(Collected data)
******

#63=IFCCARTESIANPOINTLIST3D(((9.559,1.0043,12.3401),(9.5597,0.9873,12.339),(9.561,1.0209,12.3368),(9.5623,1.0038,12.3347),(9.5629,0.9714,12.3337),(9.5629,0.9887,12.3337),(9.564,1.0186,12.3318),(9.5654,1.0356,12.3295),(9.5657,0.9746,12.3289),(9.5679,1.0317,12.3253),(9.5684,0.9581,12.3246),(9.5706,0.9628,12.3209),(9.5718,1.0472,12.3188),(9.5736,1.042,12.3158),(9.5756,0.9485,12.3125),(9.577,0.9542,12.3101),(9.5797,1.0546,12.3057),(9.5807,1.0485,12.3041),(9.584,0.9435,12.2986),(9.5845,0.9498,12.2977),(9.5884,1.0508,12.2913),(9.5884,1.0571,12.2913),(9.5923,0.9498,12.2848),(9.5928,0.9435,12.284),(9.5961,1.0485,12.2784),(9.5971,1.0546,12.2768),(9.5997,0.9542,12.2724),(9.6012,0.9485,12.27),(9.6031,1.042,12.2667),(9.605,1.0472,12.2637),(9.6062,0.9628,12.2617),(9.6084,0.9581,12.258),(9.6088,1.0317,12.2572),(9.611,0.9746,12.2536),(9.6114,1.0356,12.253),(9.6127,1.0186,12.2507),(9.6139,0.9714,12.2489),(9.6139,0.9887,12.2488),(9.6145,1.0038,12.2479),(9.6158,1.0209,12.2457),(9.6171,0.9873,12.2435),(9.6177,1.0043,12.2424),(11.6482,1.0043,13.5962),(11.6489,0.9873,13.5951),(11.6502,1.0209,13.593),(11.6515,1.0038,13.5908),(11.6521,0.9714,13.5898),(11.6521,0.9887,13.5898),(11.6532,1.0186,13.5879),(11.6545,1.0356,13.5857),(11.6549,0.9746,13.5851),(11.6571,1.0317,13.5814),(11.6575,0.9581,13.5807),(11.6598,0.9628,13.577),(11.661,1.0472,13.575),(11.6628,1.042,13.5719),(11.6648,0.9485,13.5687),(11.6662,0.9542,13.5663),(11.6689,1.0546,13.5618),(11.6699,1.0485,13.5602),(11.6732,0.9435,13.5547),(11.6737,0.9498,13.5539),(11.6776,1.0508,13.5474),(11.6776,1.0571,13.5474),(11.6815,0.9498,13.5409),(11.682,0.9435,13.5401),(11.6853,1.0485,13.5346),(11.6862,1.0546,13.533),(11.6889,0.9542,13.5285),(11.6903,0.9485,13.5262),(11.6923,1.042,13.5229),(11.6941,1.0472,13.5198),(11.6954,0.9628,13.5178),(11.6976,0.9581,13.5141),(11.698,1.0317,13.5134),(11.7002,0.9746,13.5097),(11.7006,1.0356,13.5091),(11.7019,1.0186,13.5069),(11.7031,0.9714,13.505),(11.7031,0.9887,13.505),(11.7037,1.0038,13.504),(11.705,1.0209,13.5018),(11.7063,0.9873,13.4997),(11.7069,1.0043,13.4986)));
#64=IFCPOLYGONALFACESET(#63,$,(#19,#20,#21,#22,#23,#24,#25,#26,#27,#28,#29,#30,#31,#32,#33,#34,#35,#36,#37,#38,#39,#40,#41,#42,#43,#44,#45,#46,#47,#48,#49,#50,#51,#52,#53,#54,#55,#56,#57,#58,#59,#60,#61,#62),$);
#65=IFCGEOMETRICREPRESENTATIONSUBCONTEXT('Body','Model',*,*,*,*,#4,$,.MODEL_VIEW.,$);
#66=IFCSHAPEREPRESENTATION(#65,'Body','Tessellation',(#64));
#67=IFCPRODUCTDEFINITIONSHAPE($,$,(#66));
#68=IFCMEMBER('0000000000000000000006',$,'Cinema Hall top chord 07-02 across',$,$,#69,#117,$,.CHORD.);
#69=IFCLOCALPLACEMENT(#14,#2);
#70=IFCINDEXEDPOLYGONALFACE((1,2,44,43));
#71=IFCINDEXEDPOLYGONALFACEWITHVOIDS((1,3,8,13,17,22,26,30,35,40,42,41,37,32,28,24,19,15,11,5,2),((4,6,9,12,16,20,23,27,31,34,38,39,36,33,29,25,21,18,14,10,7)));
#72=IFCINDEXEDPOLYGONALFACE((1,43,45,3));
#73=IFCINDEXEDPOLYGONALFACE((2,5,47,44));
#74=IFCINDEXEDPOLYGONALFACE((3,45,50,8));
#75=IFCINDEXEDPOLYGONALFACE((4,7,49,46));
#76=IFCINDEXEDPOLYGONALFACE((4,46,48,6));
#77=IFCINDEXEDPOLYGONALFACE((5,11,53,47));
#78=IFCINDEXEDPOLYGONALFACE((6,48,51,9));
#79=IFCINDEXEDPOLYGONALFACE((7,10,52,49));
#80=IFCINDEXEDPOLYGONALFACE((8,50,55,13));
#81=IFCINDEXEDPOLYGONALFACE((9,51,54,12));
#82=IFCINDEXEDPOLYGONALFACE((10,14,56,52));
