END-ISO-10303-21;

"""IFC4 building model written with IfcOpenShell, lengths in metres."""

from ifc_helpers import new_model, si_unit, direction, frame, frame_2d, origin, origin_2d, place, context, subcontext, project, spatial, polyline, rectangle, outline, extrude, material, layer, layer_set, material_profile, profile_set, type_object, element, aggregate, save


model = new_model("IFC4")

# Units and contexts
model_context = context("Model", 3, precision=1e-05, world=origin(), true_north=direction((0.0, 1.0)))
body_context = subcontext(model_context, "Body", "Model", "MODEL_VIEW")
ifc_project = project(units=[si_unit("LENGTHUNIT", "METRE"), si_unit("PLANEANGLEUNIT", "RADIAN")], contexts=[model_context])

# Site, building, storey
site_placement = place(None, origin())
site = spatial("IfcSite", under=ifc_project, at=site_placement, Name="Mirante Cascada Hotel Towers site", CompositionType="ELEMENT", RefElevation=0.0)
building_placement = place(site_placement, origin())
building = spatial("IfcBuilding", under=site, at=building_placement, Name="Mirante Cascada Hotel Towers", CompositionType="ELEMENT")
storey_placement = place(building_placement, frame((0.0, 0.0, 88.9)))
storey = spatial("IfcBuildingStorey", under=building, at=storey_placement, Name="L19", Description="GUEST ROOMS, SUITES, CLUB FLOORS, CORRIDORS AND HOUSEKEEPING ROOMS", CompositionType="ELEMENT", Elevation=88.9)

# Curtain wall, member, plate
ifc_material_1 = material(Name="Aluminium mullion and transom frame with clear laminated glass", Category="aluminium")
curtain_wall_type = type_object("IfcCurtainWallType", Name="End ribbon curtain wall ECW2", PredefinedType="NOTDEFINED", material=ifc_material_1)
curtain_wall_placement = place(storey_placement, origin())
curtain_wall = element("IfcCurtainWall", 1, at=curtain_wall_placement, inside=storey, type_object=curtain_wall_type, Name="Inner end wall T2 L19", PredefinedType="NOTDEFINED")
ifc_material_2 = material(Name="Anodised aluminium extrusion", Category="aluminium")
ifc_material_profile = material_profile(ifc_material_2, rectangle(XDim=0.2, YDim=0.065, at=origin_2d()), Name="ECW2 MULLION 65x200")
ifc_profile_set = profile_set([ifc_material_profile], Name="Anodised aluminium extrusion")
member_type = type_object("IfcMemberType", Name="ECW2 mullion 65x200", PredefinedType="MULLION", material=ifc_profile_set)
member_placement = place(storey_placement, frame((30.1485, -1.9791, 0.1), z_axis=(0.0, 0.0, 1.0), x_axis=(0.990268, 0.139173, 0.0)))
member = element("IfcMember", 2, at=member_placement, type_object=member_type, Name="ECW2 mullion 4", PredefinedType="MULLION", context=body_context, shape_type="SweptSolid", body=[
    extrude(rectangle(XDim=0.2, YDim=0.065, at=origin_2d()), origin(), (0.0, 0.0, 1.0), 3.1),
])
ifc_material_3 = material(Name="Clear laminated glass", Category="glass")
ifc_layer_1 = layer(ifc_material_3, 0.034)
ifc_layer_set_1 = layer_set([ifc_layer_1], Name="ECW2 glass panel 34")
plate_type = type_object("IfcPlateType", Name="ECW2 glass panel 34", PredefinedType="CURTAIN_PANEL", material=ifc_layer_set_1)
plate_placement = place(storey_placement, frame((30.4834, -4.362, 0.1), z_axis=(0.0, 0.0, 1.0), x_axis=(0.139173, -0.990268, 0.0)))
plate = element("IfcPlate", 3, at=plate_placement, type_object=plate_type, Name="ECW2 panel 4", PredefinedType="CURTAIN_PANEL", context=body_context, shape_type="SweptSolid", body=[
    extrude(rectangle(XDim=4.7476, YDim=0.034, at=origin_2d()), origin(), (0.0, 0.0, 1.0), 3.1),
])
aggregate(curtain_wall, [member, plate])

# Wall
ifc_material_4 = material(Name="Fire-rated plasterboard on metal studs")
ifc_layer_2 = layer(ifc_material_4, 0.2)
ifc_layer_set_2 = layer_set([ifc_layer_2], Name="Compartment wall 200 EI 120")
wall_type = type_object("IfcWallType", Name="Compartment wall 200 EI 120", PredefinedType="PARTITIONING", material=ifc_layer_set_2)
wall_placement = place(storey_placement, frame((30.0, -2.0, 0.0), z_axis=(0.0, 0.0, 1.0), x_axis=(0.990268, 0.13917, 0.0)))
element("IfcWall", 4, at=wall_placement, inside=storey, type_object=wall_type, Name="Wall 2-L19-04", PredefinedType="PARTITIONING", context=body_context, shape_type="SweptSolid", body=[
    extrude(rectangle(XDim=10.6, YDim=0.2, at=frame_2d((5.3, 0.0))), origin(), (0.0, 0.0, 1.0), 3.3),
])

******

(ABOUT THIS EXERCISE) Your task is to copy each line of the entries that includes the word "Cascada".

(SOLUTION FOR THIS EXERCISE)
site = spatial("IfcSite", under=ifc_project, at=site_placement, Name="Mirante Cascada Hotel Towers site", CompositionType="ELEMENT", RefElevation=0.0)
building = spatial("IfcBuilding", under=site, at=building_placement, Name="Mirante Cascada Hotel Towers", CompositionType="ELEMENT")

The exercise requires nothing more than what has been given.